**RAW DATA:**
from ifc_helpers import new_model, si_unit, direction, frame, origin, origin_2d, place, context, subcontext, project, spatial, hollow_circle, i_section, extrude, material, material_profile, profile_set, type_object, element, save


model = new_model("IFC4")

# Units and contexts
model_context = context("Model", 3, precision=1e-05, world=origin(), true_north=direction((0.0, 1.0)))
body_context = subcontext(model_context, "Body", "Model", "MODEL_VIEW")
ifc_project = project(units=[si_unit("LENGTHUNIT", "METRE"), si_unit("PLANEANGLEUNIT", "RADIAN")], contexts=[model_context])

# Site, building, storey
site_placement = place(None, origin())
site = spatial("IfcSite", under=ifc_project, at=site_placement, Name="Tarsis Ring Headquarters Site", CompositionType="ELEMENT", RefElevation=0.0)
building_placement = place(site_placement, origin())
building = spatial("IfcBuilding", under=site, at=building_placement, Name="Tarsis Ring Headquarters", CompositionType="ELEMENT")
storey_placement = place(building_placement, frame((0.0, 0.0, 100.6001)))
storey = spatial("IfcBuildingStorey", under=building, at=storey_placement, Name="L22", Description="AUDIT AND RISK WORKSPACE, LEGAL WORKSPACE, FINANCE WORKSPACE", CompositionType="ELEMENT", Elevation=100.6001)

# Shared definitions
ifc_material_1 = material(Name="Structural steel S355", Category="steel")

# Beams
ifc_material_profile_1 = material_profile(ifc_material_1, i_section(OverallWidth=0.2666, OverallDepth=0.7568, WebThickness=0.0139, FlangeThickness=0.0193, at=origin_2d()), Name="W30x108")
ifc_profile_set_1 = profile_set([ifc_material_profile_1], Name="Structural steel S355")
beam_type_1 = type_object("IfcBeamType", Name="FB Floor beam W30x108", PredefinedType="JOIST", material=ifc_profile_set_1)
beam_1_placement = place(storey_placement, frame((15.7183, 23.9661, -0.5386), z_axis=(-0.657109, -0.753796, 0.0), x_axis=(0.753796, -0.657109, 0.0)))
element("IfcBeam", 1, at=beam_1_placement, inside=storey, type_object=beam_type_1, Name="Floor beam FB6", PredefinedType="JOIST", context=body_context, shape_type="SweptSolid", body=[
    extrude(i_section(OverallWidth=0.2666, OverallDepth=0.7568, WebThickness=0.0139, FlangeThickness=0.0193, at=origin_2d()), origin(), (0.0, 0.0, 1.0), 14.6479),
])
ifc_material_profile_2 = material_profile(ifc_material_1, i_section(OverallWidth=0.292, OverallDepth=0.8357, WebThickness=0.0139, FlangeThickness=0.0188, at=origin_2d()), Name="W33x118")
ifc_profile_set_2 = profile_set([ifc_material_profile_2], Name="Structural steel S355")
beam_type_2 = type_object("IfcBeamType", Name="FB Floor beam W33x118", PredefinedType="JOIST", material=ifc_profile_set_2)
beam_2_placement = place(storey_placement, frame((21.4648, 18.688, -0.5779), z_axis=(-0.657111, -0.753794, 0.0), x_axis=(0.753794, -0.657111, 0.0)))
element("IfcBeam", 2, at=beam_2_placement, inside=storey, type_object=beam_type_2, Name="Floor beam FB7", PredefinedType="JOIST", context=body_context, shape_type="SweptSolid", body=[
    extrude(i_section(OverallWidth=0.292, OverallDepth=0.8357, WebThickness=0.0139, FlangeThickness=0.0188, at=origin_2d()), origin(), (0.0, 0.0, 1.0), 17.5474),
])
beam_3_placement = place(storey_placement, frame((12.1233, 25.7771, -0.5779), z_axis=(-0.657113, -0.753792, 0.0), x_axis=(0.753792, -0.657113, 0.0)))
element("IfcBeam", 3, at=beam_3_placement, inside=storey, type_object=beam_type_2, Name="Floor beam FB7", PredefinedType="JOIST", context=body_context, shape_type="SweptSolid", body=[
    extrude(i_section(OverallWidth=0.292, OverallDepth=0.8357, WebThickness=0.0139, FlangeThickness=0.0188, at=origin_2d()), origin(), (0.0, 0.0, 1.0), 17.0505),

**TRY IT:**
Transcribe the listing above exactly as shown.

**EXERCISE RESULT:**
from ifc_helpers import new_model, si_unit, direction, frame, origin, origin_2d, place, context, subcontext, project, spatial, hollow_circle, i_section, extrude, material, material_profile, profile_set, type_object, element, save


model = new_model("IFC4")

# Units and contexts
model_context = context("Model", 3, precision=1e-05, world=origin(), true_north=direction((0.0, 1.0)))
body_context = subcontext(model_context, "Body", "Model", "MODEL_VIEW")
ifc_project = project(units=[si_unit("LENGTHUNIT", "METRE"), si_unit("PLANEANGLEUNIT", "RADIAN")], contexts=[model_context])

# Site, building, storey
site_placement = place(None, origin())
site = spatial("IfcSite", under=ifc_project, at=site_placement, Name="Tarsis Ring Headquarters Site", CompositionType="ELEMENT", RefElevation=0.0)
building_placement = place(site_placement, origin())
building = spatial("IfcBuilding", under=site, at=building_placement, Name="Tarsis Ring Headquarters", CompositionType="ELEMENT")
storey_placement = place(building_placement, frame((0.0, 0.0, 100.6001)))
storey = spatial("IfcBuildingStorey", under=building, at=storey_placement, Name="L22", Description="AUDIT AND RISK WORKSPACE, LEGAL WORKSPACE, FINANCE WORKSPACE", CompositionType="ELEMENT", Elevation=100.6001)

# Shared definitions
ifc_material_1 = material(Name="Structural steel S355", Category="steel")

# Beams
ifc_material_profile_1 = material_profile(ifc_material_1, i_section(OverallWidth=0.2666, OverallDepth=0.7568, WebThickness=0.0139, FlangeThickness=0.0193, at=origin_2d()), Name="W30x108")
ifc_profile_set_1 = profile_set([ifc_material_profile_1], Name="Structural steel S355")
beam_type_1 = type_object("IfcBeamType", Name="FB Floor beam W30x108", PredefinedType="JOIST", material=ifc_profile_set_1)
beam_1_placement = place(storey_placement, frame((15.7183, 23.9661, -0.5386), z_axis=(-0.657109, -0.753796, 0.0), x_axis=(0.753796, -0.657109, 0.0)))
element("IfcBeam", 1, at=beam_1_placement, inside=storey, type_object=beam_type_1, Name="Floor beam FB6", PredefinedType="JOIST", context=body_context, shape_type="SweptSolid", body=[
    extrude(i_section(OverallWidth=0.2666, OverallDepth=0.7568, WebThickness=0.0139, FlangeThickness=0.0193, at=origin_2d()), origin(), (0.0, 0.0, 1.0), 14.6479),
])
ifc_material_profile_2 = material_profile(ifc_material_1, i_section(OverallWidth=0.292, OverallDepth=0.8357, WebThickness=0.0139, FlangeThickness=0.0188, at=origin_2d()), Name="W33x118")
ifc_profile_set_2 = profile_set([ifc_material_profile_2], Name="Structural steel S355")
beam_type_2 = type_object("IfcBeamType", Name="FB Floor beam W33x118", PredefinedType="JOIST", material=ifc_profile_set_2)
beam_2_placement = place(storey_placement, frame((21.4648, 18.688, -0.5779), z_axis=(-0.657111, -0.753794, 0.0), x_axis=(0.753794, -0.657111, 0.0)))
element("IfcBeam", 2, at=beam_2_placement, inside=storey, type_object=beam_type_2, Name="Floor beam FB7", PredefinedType="JOIST", context=body_context, shape_type="SweptSolid", body=[
    extrude(i_section(OverallWidth=0.292, OverallDepth=0.8357, WebThickness=0.0139, FlangeThickness=0.0188, at=origin_2d()), origin(), (0.0, 0.0, 1.0), 17.5474),
])
beam_3_placement = place(storey_placement, frame((12.1233, 25.7771, -0.5779), z_axis=(-0.657113, -0.753792, 0.0), x_axis=(0.753792, -0.657113, 0.0)))
element("IfcBeam", 3, at=beam_3_placement, inside=storey, type_object=beam_type_2, Name="Floor beam FB7", PredefinedType="JOIST", context=body_context, shape_type="SweptSolid", body=[
    extrude(i_section(OverallWidth=0.292, OverallDepth=0.8357, WebThickness=0.0139, FlangeThickness=0.0188, at=origin_2d()), origin(), (0.0, 0.0, 1.0), 17.0505),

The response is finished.